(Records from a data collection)
****
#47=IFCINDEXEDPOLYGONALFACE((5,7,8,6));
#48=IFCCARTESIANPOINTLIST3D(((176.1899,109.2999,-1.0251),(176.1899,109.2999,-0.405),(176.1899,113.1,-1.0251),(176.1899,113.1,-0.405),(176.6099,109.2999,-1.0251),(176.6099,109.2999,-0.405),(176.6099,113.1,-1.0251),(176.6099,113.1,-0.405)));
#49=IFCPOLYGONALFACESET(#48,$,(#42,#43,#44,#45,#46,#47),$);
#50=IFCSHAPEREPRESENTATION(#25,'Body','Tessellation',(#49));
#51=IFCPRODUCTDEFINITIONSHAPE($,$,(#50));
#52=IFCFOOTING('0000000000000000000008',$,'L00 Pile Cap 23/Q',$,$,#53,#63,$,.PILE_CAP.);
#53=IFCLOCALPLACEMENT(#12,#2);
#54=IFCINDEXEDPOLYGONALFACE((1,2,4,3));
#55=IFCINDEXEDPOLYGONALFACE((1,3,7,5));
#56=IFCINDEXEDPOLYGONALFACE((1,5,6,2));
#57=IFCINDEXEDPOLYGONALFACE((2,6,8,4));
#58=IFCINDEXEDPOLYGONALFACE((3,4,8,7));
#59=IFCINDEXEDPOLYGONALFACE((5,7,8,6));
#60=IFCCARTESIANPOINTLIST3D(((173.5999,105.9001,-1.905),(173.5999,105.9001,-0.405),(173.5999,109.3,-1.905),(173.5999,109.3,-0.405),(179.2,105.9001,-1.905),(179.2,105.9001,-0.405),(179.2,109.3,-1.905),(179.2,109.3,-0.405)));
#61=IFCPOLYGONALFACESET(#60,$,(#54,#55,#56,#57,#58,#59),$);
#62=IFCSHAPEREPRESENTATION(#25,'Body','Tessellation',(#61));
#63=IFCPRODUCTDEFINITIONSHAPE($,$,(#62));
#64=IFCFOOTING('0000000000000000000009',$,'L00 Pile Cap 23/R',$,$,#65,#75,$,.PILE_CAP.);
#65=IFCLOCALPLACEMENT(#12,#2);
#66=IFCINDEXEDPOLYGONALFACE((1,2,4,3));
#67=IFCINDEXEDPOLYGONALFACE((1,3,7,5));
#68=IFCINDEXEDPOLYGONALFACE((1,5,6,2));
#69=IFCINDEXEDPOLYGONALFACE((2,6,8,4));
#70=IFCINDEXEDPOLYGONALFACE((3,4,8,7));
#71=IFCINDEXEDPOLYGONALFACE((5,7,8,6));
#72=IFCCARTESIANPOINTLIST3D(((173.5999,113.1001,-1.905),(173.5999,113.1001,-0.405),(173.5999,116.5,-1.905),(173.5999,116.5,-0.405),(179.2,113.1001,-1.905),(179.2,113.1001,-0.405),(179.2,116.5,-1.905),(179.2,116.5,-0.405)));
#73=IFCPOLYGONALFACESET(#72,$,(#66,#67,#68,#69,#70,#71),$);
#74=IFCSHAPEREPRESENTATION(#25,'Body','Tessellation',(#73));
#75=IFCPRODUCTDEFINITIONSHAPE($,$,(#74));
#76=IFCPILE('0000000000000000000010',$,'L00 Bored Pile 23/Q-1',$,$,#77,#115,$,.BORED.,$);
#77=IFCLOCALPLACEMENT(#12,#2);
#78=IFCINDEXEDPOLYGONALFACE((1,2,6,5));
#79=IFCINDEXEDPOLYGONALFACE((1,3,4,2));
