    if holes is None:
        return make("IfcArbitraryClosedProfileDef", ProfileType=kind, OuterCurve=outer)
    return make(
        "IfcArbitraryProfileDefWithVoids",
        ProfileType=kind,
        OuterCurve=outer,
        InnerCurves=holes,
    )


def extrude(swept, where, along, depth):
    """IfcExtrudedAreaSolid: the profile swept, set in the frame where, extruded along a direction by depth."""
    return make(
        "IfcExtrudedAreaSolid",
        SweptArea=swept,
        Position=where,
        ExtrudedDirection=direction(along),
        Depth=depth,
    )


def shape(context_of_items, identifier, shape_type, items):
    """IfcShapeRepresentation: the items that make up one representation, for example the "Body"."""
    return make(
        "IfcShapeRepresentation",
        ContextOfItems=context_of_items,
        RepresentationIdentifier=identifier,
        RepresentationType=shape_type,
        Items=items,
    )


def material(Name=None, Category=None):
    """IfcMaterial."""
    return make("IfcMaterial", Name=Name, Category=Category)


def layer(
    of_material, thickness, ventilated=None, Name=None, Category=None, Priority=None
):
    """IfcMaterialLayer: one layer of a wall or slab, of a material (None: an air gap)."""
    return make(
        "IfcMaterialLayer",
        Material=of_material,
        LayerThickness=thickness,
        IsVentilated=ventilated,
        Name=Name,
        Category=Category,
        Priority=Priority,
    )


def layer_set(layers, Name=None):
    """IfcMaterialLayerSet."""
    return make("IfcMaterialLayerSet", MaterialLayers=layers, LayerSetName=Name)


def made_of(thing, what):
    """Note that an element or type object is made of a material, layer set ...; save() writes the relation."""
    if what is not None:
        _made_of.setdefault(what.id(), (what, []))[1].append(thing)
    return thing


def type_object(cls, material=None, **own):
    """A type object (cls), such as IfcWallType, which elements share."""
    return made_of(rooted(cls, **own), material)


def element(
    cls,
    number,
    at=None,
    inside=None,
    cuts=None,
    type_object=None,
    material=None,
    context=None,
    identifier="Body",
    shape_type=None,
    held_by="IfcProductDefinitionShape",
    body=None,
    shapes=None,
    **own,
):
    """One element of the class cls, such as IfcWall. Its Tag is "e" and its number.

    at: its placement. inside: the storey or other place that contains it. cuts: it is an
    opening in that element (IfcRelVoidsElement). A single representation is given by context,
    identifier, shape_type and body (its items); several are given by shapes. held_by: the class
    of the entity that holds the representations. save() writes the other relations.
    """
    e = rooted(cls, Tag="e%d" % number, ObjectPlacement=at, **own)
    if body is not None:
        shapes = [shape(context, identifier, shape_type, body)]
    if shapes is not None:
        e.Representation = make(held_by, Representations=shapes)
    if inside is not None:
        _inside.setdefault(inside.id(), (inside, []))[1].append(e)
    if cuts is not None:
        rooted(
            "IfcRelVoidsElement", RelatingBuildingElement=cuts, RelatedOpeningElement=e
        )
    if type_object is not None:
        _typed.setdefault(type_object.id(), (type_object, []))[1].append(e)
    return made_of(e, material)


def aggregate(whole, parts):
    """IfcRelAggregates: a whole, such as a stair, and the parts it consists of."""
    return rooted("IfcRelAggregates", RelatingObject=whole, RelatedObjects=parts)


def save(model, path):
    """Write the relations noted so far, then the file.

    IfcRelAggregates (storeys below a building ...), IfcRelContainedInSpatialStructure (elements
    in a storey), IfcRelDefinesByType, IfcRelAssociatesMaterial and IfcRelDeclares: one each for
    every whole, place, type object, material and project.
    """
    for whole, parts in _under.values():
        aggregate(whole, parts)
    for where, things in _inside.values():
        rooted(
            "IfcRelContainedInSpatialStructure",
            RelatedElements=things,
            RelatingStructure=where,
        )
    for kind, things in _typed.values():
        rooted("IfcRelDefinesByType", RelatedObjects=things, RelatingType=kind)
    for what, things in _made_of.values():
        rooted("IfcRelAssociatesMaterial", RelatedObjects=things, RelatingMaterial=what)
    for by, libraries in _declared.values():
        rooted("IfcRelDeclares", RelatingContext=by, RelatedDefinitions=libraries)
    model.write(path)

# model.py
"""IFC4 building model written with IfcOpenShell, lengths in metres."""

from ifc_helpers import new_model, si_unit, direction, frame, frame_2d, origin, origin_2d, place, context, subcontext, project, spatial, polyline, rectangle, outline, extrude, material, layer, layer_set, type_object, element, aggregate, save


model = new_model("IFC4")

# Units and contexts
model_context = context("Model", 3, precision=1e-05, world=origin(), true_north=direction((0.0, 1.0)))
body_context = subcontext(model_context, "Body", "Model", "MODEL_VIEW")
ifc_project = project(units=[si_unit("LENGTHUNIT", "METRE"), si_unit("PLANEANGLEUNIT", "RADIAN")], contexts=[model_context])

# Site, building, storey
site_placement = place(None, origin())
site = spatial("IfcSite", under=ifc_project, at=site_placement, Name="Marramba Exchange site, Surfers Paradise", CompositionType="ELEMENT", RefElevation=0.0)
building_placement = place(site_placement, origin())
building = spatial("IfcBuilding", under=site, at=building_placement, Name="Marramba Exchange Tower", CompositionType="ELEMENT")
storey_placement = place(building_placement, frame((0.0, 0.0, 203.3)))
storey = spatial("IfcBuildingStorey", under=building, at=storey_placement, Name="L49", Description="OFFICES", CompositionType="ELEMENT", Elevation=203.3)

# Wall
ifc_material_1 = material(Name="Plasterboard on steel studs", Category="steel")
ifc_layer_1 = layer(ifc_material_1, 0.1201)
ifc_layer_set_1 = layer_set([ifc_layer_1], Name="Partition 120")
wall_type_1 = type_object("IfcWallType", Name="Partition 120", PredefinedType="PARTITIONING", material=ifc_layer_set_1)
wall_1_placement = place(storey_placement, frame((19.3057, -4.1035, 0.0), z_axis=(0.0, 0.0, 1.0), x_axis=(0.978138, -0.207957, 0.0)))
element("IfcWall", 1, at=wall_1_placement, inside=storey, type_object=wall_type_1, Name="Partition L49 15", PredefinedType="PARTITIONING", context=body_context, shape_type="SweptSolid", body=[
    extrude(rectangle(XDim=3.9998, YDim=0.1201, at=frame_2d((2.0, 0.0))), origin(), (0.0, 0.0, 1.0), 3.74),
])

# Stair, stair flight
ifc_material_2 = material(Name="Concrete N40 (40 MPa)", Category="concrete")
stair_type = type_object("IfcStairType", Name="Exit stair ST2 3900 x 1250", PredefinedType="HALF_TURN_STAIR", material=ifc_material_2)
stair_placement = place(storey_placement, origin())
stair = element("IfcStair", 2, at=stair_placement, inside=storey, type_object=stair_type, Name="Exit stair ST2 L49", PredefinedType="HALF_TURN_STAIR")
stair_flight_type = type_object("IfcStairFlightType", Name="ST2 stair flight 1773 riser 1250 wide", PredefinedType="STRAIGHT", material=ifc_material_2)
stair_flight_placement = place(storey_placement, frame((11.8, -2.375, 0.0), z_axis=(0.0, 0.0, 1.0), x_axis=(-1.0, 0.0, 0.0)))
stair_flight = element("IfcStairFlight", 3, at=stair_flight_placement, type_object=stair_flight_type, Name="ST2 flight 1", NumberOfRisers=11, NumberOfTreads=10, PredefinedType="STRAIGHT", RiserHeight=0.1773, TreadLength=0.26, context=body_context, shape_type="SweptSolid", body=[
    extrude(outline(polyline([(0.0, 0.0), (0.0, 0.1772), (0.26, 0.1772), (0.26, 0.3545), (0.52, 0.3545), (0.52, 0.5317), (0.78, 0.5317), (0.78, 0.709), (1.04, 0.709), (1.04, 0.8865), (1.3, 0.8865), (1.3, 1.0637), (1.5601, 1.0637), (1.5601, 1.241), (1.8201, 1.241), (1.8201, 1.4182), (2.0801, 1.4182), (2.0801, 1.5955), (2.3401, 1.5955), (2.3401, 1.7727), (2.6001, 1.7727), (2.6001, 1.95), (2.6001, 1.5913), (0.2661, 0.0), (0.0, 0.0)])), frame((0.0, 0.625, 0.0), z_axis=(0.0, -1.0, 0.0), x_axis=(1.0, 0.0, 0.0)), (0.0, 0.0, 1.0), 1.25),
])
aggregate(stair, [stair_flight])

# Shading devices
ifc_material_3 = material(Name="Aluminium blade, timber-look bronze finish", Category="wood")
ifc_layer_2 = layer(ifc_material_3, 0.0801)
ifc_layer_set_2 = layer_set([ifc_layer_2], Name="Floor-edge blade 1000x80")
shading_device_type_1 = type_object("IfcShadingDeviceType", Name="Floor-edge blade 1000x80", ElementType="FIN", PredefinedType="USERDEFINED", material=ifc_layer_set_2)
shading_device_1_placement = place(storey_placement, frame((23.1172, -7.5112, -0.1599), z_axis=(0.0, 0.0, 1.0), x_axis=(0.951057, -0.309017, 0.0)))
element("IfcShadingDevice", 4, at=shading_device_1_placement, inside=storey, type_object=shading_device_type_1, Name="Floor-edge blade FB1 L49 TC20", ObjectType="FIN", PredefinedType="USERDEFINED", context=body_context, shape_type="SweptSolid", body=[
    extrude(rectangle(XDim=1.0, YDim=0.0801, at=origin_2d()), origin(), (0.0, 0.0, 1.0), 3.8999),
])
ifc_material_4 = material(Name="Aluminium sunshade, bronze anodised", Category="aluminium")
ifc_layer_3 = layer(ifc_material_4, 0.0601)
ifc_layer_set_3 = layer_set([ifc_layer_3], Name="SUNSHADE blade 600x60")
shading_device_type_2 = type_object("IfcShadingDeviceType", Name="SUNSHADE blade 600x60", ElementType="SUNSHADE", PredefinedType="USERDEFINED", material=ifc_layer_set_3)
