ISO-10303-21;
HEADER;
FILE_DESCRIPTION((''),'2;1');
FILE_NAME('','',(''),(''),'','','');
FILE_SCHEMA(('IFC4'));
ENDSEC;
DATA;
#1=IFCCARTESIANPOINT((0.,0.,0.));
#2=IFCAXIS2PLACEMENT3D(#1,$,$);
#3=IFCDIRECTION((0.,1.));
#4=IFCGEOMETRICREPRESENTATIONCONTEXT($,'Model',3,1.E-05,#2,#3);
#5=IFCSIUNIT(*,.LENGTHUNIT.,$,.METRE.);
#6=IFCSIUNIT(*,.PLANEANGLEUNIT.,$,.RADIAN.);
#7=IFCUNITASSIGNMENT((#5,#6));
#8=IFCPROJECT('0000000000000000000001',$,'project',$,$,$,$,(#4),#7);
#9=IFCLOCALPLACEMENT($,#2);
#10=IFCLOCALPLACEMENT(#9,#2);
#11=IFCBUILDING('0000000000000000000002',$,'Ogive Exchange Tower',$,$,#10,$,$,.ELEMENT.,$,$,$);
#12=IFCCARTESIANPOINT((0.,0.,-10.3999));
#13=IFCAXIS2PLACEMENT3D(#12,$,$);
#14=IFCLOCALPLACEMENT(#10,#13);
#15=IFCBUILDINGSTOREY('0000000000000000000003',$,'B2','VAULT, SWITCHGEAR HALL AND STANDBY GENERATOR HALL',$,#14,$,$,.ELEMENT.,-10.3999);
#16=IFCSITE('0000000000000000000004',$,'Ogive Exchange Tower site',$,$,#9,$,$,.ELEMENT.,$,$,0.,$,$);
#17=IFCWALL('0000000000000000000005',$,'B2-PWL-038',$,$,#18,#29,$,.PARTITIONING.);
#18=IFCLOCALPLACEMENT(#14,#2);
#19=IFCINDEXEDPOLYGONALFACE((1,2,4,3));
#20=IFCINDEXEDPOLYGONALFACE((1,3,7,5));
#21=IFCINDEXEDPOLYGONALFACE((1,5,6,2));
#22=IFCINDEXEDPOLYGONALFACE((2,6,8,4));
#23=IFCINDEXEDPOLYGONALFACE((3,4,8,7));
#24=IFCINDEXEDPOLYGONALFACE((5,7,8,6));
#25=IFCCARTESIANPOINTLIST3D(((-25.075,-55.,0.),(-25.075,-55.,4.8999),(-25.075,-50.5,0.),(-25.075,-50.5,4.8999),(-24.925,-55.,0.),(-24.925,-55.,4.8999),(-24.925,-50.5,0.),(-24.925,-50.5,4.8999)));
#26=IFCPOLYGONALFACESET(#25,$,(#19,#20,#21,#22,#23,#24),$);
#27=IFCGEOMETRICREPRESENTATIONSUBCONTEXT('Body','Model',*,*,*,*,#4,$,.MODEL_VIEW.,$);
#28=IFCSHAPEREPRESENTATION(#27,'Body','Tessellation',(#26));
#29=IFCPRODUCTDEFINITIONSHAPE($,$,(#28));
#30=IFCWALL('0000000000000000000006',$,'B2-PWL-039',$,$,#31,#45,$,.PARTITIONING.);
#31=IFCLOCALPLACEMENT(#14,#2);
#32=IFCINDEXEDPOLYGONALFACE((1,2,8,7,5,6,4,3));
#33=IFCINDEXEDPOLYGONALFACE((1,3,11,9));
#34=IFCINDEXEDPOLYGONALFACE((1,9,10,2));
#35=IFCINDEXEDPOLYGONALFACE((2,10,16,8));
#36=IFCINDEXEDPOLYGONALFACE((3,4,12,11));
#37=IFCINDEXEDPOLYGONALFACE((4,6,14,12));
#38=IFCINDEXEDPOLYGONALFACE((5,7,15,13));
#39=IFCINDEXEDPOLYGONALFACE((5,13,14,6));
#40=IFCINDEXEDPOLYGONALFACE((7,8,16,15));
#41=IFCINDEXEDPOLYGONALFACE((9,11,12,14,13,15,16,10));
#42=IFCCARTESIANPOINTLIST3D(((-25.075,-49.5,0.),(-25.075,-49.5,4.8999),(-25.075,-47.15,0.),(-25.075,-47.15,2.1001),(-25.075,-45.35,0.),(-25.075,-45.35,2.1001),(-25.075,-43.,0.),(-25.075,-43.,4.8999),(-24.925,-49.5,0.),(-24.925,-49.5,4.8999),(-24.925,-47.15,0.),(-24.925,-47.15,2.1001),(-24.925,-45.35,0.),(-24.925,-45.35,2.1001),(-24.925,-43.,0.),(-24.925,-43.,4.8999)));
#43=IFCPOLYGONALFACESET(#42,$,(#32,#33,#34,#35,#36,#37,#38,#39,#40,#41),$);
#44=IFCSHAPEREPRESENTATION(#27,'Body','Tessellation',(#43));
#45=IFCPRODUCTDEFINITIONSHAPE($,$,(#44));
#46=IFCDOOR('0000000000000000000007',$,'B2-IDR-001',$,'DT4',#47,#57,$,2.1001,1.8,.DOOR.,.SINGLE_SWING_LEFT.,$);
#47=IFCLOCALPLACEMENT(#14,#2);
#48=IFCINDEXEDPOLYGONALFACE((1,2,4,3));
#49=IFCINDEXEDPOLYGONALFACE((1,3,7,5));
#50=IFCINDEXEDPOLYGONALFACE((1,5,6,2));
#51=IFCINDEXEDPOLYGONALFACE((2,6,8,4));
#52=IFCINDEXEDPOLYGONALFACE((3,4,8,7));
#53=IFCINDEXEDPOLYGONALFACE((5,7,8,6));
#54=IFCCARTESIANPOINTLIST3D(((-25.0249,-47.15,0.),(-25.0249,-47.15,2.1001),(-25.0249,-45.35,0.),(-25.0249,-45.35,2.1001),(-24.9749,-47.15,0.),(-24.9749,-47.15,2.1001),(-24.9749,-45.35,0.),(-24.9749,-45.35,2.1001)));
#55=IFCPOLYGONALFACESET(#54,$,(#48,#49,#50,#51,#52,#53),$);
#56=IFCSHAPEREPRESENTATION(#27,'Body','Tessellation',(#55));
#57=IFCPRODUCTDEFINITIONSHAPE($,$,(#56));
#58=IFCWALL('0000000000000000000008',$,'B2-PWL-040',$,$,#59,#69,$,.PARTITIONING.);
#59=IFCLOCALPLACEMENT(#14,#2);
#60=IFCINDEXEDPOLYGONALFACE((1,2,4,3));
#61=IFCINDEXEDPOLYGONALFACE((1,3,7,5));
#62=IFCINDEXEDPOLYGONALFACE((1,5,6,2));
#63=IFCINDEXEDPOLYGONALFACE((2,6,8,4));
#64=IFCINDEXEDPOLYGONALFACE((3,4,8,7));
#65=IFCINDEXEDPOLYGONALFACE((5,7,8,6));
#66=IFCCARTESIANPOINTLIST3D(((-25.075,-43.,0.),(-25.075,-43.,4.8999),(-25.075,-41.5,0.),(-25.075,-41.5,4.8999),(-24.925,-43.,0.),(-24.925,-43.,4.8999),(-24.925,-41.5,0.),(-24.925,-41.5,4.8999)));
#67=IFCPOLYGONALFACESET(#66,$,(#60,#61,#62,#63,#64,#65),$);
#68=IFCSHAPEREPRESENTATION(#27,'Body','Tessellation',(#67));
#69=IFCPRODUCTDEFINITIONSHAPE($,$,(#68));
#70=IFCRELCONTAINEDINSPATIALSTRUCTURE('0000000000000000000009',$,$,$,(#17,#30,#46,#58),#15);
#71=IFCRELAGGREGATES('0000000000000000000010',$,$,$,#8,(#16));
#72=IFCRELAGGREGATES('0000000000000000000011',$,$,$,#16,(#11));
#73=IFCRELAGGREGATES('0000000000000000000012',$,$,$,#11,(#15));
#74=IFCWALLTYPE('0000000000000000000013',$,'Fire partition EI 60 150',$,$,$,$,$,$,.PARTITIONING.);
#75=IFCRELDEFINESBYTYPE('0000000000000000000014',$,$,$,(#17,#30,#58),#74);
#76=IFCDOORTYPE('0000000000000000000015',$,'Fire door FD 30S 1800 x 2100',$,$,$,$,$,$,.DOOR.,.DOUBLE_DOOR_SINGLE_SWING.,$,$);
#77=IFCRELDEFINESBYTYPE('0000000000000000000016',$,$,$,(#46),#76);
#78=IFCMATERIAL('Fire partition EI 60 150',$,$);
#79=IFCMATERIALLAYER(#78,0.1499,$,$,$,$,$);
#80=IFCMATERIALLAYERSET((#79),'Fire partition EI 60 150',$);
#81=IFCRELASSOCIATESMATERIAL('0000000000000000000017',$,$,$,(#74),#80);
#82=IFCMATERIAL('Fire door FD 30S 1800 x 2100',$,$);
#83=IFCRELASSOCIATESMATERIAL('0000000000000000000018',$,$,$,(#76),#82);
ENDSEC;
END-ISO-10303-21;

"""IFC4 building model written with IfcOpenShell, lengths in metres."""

from ifc_helpers import new_model, si_unit, direction, frame, frame_2d, origin, place, context, subcontext, project, spatial, rectangle, extrude, material, layer, layer_set, type_object, element, fill, save


model = new_model("IFC4")

# Units and contexts
model_context = context("Model", 3, precision=1e-05, world=origin(), true_north=direction((0.0, 1.0)))
body_context = subcontext(model_context, "Body", "Model", "MODEL_VIEW")
ifc_project = project(units=[si_unit("LENGTHUNIT", "METRE"), si_unit("PLANEANGLEUNIT", "RADIAN")], contexts=[model_context])

# Site, building, storey
site_placement = place(None, origin())
site = spatial("IfcSite", under=ifc_project, at=site_placement, Name="Ogive Exchange Tower site", CompositionType="ELEMENT", RefElevation=0.0)
building_placement = place(site_placement, origin())
building = spatial("IfcBuilding", under=site, at=building_placement, Name="Ogive Exchange Tower", CompositionType="ELEMENT")
storey_placement = place(building_placement, frame((0.0, 0.0, -10.3999)))
storey = spatial("IfcBuildingStorey", under=building, at=storey_placement, Name="B2", Description="VAULT, SWITCHGEAR HALL AND STANDBY GENERATOR HALL", CompositionType="ELEMENT", Elevation=-10.3999)

# Wall
ifc_material_1 = material(Name="Fire partition EI 60 150")
ifc_layer_1 = layer(ifc_material_1, 0.1499)
ifc_layer_set_1 = layer_set([ifc_layer_1], Name="Fire partition EI 60 150")
wall_type_1 = type_object("IfcWallType", Name="Fire partition EI 60 150", PredefinedType="PARTITIONING", material=ifc_layer_set_1)
wall_1_placement = place(storey_placement, frame((-25.0, -55.0, 0.0), z_axis=(0.0, 0.0, 1.0), x_axis=(0.0, 1.0, 0.0)))
element("IfcWall", 1, at=wall_1_placement, inside=storey, type_object=wall_type_1, Name="B2-PWL-038", PredefinedType="PARTITIONING", context=body_context, shape_type="SweptSolid", body=[
    extrude(rectangle(XDim=4.5, YDim=0.1499, at=frame_2d((2.25, 0.0))), origin(), (0.0, 0.0, 1.0), 4.8999),
])

# Wall, opening, door
wall_2_placement = place(storey_placement, frame((-25.0, -49.5, 0.0), z_axis=(0.0, 0.0, 1.0), x_axis=(0.0, 1.0, 0.0)))
wall_2 = element("IfcWall", 2, at=wall_2_placement, inside=storey, type_object=wall_type_1, Name="B2-PWL-039", PredefinedType="PARTITIONING", context=body_context, shape_type="SweptSolid", body=[
    extrude(rectangle(XDim=6.5, YDim=0.1499, at=frame_2d((3.25, 0.0))), origin(), (0.0, 0.0, 1.0), 4.8999),
])
opening_placement = place(wall_2_placement, frame((2.3501, 0.0, 0.0)))
opening = element("IfcOpeningElement", 3, at=opening_placement, cuts=wall_2, PredefinedType="OPENING", context=body_context, shape_type="SweptSolid", body=[
    extrude(rectangle(XDim=1.8, YDim=2.1001, at=frame_2d((0.8999, 1.05))), frame((0.0, 0.085, 0.0), z_axis=(0.0, -1.0, 0.0), x_axis=(1.0, 0.0, 0.0)), (0.0, 0.0, 1.0), 0.1699),
])
ifc_material_2 = material(Name="Fire door FD 30S 1800 x 2100")
door_type = type_object("IfcDoorType", Name="Fire door FD 30S 1800 x 2100", OperationType="DOUBLE_DOOR_SINGLE_SWING", PredefinedType="DOOR", material=ifc_material_2)
door_placement = place(opening_placement, origin())
door = element("IfcDoor", 4, at=door_placement, inside=storey, type_object=door_type, Name="B2-IDR-001", ObjectType="DT4", OperationType="SINGLE_SWING_LEFT", OverallHeight=2.1001, OverallWidth=1.8, PredefinedType="DOOR", context=body_context, shape_type="SweptSolid", body=[
    extrude(rectangle(XDim=1.8, YDim=2.1001, at=frame_2d((0.8999, 1.05))), frame((0.0, 0.0249, 0.0), z_axis=(0.0, -1.0, 0.0), x_axis=(1.0, 0.0, 0.0)), (0.0, 0.0, 1.0), 0.05),
])
fill(opening, door)

# Wall
wall_3_placement = place(storey_placement, frame((-25.0, -43.0, 0.0), z_axis=(0.0, 0.0, 1.0), x_axis=(0.0, 1.0, 0.0)))
element("IfcWall", 5, at=wall_3_placement, inside=storey, type_object=wall_type_1, Name="B2-PWL-040", PredefinedType="PARTITIONING", context=body_context, shape_type="SweptSolid", body=[
    extrude(rectangle(XDim=1.5, YDim=0.1499, at=frame_2d((0.75, 0.0))), origin(), (0.0, 0.0, 1.0), 4.8999),
])

save(model, "model.ifc")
****
One stretch of the lines above is wanted, from the line that contains "and its number." through the line that contains "identifier, shape_type and". Output it exactly.

[Result for this exercise]
    """One element of the class cls, such as IfcWall. Its Tag is "e" and its number.

    at: its placement. inside: the storey or other place that contains it. cuts: it is an
    opening in that element (IfcRelVoidsElement). A single representation is given by context,
    identifier, shape_type and body (its items); several are given by shapes. held_by: the class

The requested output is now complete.